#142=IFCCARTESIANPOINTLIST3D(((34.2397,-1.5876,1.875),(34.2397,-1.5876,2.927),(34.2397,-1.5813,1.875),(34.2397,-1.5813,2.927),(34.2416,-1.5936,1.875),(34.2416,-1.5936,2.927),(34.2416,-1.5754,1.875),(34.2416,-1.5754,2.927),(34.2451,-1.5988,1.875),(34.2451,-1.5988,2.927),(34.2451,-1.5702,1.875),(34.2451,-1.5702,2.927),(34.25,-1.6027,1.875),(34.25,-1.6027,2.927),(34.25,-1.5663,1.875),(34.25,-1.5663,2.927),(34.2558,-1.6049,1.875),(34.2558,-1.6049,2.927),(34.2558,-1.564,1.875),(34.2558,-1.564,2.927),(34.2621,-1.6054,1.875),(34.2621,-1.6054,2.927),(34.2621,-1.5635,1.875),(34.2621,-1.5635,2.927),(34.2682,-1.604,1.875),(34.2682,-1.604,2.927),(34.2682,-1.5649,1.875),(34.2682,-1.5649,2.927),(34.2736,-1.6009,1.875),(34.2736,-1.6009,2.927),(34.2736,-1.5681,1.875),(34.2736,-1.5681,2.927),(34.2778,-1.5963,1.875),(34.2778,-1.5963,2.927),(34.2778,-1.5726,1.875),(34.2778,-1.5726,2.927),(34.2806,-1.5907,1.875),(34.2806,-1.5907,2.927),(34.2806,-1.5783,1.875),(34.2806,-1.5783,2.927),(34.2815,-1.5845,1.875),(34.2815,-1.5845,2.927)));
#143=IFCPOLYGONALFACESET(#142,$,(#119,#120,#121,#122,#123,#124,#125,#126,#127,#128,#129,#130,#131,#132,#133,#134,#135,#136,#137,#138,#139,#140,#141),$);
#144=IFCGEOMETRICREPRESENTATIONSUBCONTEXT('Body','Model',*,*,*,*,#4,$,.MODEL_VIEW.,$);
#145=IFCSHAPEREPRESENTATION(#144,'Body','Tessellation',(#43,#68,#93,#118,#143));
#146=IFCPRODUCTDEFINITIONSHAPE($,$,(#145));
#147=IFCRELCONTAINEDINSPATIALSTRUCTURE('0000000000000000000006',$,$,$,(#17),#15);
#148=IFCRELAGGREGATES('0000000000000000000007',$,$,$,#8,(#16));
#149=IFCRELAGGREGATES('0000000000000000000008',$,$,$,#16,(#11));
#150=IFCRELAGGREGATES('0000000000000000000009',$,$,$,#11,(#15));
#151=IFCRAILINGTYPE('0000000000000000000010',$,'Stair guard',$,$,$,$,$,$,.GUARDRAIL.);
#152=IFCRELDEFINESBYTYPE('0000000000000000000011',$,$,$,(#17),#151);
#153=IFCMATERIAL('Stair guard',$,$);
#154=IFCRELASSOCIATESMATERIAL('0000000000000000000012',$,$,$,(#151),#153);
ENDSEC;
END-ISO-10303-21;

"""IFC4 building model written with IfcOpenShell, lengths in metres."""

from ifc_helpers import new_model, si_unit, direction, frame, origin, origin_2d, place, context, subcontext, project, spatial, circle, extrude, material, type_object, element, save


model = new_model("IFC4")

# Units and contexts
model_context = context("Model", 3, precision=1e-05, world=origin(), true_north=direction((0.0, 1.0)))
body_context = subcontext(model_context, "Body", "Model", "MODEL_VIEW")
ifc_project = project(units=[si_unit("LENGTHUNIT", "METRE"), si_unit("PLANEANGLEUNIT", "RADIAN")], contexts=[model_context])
--------------------
• _YOUR OBJECTIVE_: Using the listing above, copy exactly the line that contains "#150=IFCRELAGGREGATES('0000000000000000000009',$,$,$,#11,(#15));", the line that contains "building model written", and each line that falls between them.

• _ANSWER FOR THIS EXERCISE_:
#150=IFCRELAGGREGATES('0000000000000000000009',$,$,$,#11,(#15));
#151=IFCRAILINGTYPE('0000000000000000000010',$,'Stair guard',$,$,$,$,$,$,.GUARDRAIL.);
#152=IFCRELDEFINESBYTYPE('0000000000000000000011',$,$,$,(#17),#151);
#153=IFCMATERIAL('Stair guard',$,$);
#154=IFCRELASSOCIATESMATERIAL('0000000000000000000012',$,$,$,(#151),#153);
ENDSEC;
END-ISO-10303-21;

"""IFC4 building model written with IfcOpenShell, lengths in metres."""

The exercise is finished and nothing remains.